WHAT THE EXERCISE ASKS:
Write out the following listing's lines from the one with "#83=IFCPRODUCTDEFINITIONSHAPE($,$,(#82));" to the one with "#90=IFCINDEXEDPOLYGONALFACE((3,4,8,7));", exactly, with both included and no others.

──────────

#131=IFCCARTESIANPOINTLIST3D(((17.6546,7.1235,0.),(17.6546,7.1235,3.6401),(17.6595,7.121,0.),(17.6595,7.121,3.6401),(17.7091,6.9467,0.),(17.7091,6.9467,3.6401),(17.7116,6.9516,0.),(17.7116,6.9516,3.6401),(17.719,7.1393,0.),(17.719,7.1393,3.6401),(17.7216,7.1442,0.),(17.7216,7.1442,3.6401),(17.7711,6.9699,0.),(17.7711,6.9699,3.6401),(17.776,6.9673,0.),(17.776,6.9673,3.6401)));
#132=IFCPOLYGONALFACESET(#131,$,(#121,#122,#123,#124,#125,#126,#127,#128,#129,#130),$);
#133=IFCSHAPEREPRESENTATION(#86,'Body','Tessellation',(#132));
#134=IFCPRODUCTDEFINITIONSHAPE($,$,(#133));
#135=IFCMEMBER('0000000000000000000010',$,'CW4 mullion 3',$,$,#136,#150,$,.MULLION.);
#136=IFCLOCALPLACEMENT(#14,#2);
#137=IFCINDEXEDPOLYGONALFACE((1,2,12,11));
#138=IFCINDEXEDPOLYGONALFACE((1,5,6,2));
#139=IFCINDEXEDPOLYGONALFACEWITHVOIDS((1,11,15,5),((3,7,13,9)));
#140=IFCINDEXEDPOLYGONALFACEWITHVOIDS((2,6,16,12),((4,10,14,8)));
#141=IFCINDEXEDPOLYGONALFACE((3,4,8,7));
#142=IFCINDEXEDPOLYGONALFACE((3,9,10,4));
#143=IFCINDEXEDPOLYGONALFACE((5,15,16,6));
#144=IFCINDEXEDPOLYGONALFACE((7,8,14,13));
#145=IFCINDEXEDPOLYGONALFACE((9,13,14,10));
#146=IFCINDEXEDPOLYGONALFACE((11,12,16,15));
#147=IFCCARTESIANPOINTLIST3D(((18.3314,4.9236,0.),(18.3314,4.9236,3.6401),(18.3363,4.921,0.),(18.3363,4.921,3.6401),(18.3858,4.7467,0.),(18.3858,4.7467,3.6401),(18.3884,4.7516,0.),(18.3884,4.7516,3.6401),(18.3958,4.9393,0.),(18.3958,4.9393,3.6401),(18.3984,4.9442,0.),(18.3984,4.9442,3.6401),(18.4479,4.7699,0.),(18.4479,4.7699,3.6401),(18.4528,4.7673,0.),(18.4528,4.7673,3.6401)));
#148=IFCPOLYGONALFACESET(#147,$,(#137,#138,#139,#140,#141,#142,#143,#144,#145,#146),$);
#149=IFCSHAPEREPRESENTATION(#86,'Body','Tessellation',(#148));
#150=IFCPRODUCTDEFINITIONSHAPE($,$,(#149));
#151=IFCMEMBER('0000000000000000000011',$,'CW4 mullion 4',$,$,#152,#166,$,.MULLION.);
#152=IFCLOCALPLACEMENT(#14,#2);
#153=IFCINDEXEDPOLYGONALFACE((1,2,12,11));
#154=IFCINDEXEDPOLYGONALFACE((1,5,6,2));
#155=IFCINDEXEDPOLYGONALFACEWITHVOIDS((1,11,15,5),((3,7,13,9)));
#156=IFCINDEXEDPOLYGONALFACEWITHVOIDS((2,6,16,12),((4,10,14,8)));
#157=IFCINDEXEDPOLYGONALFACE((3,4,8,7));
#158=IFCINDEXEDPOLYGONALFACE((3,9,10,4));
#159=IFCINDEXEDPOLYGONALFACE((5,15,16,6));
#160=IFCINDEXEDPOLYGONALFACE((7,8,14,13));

──────────

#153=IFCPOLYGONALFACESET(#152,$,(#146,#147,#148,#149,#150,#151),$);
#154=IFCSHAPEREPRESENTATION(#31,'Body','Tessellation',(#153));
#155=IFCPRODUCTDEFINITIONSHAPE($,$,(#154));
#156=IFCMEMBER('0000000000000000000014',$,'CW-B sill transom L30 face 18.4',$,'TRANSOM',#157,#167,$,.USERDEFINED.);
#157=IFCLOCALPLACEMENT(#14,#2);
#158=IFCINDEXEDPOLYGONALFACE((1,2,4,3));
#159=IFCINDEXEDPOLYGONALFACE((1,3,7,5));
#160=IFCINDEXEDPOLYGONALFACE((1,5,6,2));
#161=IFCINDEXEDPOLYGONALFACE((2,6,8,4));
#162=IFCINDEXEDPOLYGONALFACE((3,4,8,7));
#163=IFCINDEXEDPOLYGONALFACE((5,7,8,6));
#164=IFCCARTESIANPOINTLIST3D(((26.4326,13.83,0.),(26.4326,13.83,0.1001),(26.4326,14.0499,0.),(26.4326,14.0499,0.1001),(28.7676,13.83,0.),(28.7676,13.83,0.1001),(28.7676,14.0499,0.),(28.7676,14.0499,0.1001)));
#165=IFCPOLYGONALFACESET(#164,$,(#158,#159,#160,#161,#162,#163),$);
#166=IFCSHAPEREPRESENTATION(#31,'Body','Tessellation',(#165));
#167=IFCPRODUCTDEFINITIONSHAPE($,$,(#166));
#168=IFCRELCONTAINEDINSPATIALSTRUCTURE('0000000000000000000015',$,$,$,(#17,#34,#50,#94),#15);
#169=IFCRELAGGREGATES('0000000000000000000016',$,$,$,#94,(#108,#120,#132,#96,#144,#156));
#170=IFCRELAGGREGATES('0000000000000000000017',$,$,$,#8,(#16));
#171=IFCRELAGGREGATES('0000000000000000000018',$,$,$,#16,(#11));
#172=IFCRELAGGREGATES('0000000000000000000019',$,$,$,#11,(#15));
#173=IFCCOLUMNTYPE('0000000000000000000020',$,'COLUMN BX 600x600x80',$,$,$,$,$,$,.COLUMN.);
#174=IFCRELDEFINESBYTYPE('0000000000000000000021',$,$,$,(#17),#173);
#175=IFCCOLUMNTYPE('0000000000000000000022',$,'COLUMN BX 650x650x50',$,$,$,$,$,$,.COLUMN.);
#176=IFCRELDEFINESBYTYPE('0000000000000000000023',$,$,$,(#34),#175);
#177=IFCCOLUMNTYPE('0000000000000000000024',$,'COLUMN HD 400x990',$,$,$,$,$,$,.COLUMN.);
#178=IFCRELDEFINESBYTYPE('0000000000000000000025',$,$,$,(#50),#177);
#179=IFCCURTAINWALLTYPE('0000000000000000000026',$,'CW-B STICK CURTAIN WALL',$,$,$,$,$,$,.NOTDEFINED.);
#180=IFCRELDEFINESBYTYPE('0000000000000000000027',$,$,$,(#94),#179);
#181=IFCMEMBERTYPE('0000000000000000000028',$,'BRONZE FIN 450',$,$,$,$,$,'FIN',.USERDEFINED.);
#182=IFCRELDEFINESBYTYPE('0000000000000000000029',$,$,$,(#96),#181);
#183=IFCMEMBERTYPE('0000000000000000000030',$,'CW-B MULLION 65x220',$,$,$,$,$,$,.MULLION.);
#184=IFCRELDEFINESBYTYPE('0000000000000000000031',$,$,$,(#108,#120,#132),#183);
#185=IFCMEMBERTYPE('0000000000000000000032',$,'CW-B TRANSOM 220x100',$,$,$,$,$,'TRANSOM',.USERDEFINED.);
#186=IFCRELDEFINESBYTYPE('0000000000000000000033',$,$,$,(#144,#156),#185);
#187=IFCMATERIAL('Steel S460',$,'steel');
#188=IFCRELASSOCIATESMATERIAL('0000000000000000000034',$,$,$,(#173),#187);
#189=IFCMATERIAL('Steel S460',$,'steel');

──────────

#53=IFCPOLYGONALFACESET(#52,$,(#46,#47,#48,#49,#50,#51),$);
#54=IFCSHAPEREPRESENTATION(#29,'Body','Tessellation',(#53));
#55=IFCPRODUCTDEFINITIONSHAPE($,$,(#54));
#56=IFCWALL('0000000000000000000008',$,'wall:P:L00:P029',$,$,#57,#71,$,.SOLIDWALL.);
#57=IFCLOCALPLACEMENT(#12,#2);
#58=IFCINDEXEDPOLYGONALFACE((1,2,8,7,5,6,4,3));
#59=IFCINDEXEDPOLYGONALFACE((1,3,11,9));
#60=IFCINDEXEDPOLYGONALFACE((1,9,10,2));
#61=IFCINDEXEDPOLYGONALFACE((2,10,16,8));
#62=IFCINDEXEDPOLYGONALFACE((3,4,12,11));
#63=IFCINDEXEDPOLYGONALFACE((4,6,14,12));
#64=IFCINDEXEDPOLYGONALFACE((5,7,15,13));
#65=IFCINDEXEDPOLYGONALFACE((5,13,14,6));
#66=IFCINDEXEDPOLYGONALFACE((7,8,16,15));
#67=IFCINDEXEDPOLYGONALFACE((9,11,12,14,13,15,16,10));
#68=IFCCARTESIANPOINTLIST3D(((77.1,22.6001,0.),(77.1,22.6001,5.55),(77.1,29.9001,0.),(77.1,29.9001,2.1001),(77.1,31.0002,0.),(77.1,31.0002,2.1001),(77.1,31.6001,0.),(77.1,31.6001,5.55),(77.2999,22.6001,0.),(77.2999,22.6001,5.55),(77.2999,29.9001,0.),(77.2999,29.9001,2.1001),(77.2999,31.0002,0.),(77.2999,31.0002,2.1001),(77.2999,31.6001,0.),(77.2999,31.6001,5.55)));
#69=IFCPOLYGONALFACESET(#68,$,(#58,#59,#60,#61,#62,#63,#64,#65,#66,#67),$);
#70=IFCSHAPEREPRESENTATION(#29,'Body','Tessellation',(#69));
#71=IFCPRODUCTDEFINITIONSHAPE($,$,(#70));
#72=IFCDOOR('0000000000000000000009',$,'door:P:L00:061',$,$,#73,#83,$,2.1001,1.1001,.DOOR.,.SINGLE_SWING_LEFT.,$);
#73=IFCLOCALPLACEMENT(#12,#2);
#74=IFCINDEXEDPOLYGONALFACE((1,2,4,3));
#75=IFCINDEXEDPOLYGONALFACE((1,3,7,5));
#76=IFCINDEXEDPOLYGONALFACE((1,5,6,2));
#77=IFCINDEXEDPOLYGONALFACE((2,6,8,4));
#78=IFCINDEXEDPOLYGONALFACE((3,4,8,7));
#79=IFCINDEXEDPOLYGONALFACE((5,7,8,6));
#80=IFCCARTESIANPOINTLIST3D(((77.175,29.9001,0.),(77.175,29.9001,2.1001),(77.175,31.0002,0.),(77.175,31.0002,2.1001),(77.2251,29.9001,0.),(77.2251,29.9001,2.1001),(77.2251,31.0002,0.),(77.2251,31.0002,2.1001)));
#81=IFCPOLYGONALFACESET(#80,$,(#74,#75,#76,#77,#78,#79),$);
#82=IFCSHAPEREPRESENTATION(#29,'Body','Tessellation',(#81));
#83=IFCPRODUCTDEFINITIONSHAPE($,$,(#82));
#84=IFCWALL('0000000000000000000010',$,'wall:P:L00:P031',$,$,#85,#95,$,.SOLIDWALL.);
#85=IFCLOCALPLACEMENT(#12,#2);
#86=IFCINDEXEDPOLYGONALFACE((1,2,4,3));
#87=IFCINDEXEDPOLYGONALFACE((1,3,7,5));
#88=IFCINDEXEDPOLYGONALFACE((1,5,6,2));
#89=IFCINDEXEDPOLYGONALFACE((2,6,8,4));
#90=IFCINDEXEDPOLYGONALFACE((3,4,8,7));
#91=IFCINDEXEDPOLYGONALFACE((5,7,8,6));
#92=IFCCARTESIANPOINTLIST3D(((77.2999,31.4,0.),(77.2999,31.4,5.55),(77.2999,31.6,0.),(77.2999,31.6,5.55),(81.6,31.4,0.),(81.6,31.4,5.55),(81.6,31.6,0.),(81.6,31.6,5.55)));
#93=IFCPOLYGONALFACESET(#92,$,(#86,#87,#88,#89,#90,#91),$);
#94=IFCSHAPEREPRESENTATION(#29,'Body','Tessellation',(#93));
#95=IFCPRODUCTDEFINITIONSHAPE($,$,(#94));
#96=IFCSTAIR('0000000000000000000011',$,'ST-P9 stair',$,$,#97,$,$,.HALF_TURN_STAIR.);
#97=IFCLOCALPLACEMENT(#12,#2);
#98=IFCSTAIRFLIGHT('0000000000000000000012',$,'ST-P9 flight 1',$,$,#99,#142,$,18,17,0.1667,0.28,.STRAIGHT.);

──────────

SOLUTION FOR THIS TASK:
#83=IFCPRODUCTDEFINITIONSHAPE($,$,(#82));
#84=IFCWALL('0000000000000000000010',$,'wall:P:L00:P031',$,$,#85,#95,$,.SOLIDWALL.);
#85=IFCLOCALPLACEMENT(#12,#2);
#86=IFCINDEXEDPOLYGONALFACE((1,2,4,3));
#87=IFCINDEXEDPOLYGONALFACE((1,3,7,5));
#88=IFCINDEXEDPOLYGONALFACE((1,5,6,2));
#89=IFCINDEXEDPOLYGONALFACE((2,6,8,4));
#90=IFCINDEXEDPOLYGONALFACE((3,4,8,7));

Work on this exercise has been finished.